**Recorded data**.
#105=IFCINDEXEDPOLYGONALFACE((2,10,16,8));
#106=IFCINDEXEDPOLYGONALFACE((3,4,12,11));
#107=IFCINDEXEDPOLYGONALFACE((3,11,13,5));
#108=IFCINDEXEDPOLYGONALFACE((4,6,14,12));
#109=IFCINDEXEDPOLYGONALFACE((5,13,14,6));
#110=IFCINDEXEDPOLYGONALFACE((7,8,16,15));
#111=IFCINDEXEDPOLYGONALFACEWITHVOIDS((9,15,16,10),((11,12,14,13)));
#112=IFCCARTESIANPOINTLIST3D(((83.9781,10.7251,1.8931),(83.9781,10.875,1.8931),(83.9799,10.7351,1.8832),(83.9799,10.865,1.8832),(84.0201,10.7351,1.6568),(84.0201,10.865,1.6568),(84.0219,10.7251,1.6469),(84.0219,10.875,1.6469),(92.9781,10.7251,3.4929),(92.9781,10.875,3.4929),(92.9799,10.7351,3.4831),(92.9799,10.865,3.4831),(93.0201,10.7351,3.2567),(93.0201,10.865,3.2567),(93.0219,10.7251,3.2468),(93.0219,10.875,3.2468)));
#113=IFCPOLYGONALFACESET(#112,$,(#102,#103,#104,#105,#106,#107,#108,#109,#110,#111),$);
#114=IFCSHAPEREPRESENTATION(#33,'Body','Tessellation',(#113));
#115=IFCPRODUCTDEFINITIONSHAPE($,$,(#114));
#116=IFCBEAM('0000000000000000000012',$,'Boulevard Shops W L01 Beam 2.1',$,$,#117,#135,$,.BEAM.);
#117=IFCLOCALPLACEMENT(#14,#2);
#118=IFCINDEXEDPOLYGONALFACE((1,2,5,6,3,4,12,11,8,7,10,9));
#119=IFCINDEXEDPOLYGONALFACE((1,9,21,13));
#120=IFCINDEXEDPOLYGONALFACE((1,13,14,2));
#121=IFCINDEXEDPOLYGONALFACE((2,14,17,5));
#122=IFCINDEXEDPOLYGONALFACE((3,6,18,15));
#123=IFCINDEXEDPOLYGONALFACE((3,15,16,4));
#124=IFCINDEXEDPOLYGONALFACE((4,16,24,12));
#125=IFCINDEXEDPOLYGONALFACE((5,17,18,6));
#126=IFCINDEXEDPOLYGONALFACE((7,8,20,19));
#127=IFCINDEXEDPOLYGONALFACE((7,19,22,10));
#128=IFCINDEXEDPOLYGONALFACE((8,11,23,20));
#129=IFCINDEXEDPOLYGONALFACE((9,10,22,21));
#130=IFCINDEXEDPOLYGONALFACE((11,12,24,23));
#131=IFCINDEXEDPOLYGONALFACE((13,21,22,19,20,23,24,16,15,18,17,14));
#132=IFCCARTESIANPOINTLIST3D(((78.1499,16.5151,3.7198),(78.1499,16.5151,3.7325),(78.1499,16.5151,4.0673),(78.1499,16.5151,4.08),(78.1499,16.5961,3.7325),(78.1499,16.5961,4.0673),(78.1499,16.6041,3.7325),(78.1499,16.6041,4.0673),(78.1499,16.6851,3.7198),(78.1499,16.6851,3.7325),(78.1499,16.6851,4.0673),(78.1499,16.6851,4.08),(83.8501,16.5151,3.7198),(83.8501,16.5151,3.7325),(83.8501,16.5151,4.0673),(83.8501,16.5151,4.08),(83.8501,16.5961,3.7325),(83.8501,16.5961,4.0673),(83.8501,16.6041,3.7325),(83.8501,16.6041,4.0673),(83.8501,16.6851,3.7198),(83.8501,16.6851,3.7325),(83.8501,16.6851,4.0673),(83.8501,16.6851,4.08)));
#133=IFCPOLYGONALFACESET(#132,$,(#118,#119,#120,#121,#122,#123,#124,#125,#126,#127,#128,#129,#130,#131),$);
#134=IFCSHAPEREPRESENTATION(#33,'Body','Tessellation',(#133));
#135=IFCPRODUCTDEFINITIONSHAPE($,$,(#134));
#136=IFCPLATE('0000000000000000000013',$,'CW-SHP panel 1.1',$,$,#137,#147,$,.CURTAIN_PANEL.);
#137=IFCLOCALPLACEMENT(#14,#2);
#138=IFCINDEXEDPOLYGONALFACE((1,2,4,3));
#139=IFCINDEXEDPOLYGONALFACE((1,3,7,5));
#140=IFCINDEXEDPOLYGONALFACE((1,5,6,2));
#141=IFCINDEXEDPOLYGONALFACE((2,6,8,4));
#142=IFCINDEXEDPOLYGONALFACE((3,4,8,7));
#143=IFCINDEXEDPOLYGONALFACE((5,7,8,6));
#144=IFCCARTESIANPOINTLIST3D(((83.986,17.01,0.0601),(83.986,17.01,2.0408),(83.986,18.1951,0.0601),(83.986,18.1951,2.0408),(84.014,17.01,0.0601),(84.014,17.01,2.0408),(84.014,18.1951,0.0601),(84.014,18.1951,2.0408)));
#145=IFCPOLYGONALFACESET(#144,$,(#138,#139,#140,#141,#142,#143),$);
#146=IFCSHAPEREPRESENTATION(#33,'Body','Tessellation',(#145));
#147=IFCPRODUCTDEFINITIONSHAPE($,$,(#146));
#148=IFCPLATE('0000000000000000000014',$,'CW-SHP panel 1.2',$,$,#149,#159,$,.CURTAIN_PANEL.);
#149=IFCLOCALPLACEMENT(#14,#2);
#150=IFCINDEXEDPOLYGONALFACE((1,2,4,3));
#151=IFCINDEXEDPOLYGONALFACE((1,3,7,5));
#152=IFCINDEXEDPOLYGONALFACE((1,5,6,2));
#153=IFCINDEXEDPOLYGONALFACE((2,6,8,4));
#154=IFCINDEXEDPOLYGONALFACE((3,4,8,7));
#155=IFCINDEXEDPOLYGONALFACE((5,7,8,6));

**Assignment**. Using the data above, print exactly the lines from the line that contains "#130=IFCINDEXEDPOLYGONALFACE((11,12,24,23));" through the line that contains "#153=IFCINDEXEDPOLYGONALFACE((2,6,8,4));", with both included.

**Solution for this problem**.
#130=IFCINDEXEDPOLYGONALFACE((11,12,24,23));
#131=IFCINDEXEDPOLYGONALFACE((13,21,22,19,20,23,24,16,15,18,17,14));
#132=IFCCARTESIANPOINTLIST3D(((78.1499,16.5151,3.7198),(78.1499,16.5151,3.7325),(78.1499,16.5151,4.0673),(78.1499,16.5151,4.08),(78.1499,16.5961,3.7325),(78.1499,16.5961,4.0673),(78.1499,16.6041,3.7325),(78.1499,16.6041,4.0673),(78.1499,16.6851,3.7198),(78.1499,16.6851,3.7325),(78.1499,16.6851,4.0673),(78.1499,16.6851,4.08),(83.8501,16.5151,3.7198),(83.8501,16.5151,3.7325),(83.8501,16.5151,4.0673),(83.8501,16.5151,4.08),(83.8501,16.5961,3.7325),(83.8501,16.5961,4.0673),(83.8501,16.6041,3.7325),(83.8501,16.6041,4.0673),(83.8501,16.6851,3.7198),(83.8501,16.6851,3.7325),(83.8501,16.6851,4.0673),(83.8501,16.6851,4.08)));
#133=IFCPOLYGONALFACESET(#132,$,(#118,#119,#120,#121,#122,#123,#124,#125,#126,#127,#128,#129,#130,#131),$);
#134=IFCSHAPEREPRESENTATION(#33,'Body','Tessellation',(#133));
#135=IFCPRODUCTDEFINITIONSHAPE($,$,(#134));
#136=IFCPLATE('0000000000000000000013',$,'CW-SHP panel 1.1',$,$,#137,#147,$,.CURTAIN_PANEL.);
#137=IFCLOCALPLACEMENT(#14,#2);
#138=IFCINDEXEDPOLYGONALFACE((1,2,4,3));
#139=IFCINDEXEDPOLYGONALFACE((1,3,7,5));
#140=IFCINDEXEDPOLYGONALFACE((1,5,6,2));
#141=IFCINDEXEDPOLYGONALFACE((2,6,8,4));
#142=IFCINDEXEDPOLYGONALFACE((3,4,8,7));
#143=IFCINDEXEDPOLYGONALFACE((5,7,8,6));
#144=IFCCARTESIANPOINTLIST3D(((83.986,17.01,0.0601),(83.986,17.01,2.0408),(83.986,18.1951,0.0601),(83.986,18.1951,2.0408),(84.014,17.01,0.0601),(84.014,17.01,2.0408),(84.014,18.1951,0.0601),(84.014,18.1951,2.0408)));
#145=IFCPOLYGONALFACESET(#144,$,(#138,#139,#140,#141,#142,#143),$);
#146=IFCSHAPEREPRESENTATION(#33,'Body','Tessellation',(#145));
#147=IFCPRODUCTDEFINITIONSHAPE($,$,(#146));
#148=IFCPLATE('0000000000000000000014',$,'CW-SHP panel 1.2',$,$,#149,#159,$,.CURTAIN_PANEL.);
#149=IFCLOCALPLACEMENT(#14,#2);
#150=IFCINDEXEDPOLYGONALFACE((1,2,4,3));
#151=IFCINDEXEDPOLYGONALFACE((1,3,7,5));
#152=IFCINDEXEDPOLYGONALFACE((1,5,6,2));
#153=IFCINDEXEDPOLYGONALFACE((2,6,8,4));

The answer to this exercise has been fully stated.